- Activity: Using the data that follows, return exactly the lines from the one that contains "#32=IFCINDEXEDPOLYGONALFACE((20,22,26,24));" through the one that contains "#41=IFCINDEXEDPOLYGONALFACE((39,40,42,41));", ends included.

Supplied material Start Marker

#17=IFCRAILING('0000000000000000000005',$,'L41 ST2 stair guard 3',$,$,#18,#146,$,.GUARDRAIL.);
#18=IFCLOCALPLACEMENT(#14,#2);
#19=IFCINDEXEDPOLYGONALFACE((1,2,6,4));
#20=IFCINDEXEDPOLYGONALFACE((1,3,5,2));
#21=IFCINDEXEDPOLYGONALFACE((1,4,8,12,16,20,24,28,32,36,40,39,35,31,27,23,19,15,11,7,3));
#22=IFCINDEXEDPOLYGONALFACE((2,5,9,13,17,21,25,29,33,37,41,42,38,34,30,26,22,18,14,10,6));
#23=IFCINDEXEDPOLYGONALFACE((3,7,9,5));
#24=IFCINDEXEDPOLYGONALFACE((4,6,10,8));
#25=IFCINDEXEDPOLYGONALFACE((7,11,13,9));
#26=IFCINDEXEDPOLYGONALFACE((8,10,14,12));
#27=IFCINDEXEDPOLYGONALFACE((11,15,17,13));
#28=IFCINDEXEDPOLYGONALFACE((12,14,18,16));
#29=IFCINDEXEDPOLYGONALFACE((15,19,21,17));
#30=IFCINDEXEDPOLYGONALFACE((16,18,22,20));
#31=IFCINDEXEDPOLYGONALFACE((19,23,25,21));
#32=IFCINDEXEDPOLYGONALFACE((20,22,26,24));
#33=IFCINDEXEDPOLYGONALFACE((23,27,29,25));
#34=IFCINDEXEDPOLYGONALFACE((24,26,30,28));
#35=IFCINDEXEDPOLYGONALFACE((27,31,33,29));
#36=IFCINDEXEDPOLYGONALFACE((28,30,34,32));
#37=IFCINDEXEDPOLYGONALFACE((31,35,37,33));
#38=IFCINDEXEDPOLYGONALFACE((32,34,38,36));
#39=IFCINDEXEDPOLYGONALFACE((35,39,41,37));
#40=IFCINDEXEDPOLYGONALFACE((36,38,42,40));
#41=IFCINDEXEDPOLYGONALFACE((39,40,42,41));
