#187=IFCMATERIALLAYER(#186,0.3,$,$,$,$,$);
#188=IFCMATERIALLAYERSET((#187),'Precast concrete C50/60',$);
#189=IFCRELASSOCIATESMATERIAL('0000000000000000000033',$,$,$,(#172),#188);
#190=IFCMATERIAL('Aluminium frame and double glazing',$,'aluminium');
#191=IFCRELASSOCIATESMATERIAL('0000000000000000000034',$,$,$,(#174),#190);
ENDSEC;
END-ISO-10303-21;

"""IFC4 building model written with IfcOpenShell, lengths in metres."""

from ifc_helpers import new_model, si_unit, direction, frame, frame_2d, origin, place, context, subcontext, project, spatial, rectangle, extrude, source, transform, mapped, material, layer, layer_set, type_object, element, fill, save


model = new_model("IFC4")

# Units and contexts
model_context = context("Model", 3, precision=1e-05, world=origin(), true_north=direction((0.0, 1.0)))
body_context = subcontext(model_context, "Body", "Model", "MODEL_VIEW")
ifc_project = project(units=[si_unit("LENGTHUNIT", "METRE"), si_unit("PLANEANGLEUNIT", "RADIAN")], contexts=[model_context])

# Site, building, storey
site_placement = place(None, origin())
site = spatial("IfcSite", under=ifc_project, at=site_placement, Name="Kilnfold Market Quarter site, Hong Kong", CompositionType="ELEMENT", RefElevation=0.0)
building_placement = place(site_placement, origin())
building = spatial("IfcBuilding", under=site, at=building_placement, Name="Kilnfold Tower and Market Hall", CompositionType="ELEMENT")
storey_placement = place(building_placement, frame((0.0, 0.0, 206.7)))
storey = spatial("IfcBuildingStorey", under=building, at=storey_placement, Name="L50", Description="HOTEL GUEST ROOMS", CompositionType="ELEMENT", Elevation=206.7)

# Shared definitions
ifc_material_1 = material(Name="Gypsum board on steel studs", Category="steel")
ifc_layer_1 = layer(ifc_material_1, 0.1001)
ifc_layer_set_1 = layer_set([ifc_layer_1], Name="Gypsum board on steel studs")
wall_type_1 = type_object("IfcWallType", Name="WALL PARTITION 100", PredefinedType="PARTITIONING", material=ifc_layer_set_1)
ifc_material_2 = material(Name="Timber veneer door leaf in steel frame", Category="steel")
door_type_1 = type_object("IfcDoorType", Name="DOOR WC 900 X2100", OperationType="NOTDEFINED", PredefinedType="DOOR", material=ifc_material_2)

Supplied material End Marker
Supplied material Start Marker

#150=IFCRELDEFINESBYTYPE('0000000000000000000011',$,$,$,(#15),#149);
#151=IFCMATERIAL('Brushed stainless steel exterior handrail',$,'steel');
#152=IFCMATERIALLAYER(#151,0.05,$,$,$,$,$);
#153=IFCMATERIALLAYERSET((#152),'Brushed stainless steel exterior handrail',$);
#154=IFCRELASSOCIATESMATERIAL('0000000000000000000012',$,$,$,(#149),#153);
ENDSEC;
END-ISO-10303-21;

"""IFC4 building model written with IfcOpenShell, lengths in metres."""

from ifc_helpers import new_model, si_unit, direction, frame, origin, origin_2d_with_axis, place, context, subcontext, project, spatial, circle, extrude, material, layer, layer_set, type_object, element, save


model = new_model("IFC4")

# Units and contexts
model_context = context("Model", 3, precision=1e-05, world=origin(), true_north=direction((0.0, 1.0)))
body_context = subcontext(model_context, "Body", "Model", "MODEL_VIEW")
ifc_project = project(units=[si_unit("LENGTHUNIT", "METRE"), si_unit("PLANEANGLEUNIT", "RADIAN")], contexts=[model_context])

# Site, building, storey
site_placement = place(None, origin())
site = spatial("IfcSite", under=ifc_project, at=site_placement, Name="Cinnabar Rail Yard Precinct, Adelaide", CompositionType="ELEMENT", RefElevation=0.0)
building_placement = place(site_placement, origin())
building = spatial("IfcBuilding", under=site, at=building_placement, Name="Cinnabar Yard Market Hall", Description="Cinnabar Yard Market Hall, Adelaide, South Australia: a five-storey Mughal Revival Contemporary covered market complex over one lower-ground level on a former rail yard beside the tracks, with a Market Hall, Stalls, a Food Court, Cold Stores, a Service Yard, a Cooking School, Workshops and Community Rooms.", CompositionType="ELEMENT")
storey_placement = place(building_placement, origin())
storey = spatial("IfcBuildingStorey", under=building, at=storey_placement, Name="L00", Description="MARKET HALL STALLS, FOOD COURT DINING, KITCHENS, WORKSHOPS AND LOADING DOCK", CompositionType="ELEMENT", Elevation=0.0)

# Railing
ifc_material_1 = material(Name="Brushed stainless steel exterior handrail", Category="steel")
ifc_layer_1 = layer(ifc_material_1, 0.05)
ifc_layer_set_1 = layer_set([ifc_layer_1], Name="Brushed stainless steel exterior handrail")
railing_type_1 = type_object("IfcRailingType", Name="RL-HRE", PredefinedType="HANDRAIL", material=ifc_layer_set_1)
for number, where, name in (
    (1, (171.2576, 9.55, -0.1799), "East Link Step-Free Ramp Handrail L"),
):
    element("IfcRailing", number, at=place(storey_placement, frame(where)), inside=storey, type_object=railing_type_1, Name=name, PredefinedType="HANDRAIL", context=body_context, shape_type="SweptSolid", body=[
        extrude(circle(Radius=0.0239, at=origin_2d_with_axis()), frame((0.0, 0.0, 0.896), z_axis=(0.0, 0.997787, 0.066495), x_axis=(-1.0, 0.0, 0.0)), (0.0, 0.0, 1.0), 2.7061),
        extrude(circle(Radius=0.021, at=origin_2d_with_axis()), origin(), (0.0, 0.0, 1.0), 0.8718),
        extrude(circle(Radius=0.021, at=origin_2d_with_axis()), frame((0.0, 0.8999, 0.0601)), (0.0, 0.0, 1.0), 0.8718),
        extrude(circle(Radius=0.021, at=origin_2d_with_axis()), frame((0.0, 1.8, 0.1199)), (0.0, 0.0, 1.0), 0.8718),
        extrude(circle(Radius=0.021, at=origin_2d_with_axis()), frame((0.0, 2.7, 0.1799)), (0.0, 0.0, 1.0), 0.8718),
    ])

Supplied material End Marker

- Response to this task:
#32=IFCINDEXEDPOLYGONALFACE((20,22,26,24));
#33=IFCINDEXEDPOLYGONALFACE((23,27,29,25));
#34=IFCINDEXEDPOLYGONALFACE((24,26,30,28));
#35=IFCINDEXEDPOLYGONALFACE((27,31,33,29));
#36=IFCINDEXEDPOLYGONALFACE((28,30,34,32));
#37=IFCINDEXEDPOLYGONALFACE((31,35,37,33));
#38=IFCINDEXEDPOLYGONALFACE((32,34,38,36));
#39=IFCINDEXEDPOLYGONALFACE((35,39,41,37));
#40=IFCINDEXEDPOLYGONALFACE((36,38,42,40));
#41=IFCINDEXEDPOLYGONALFACE((39,40,42,41));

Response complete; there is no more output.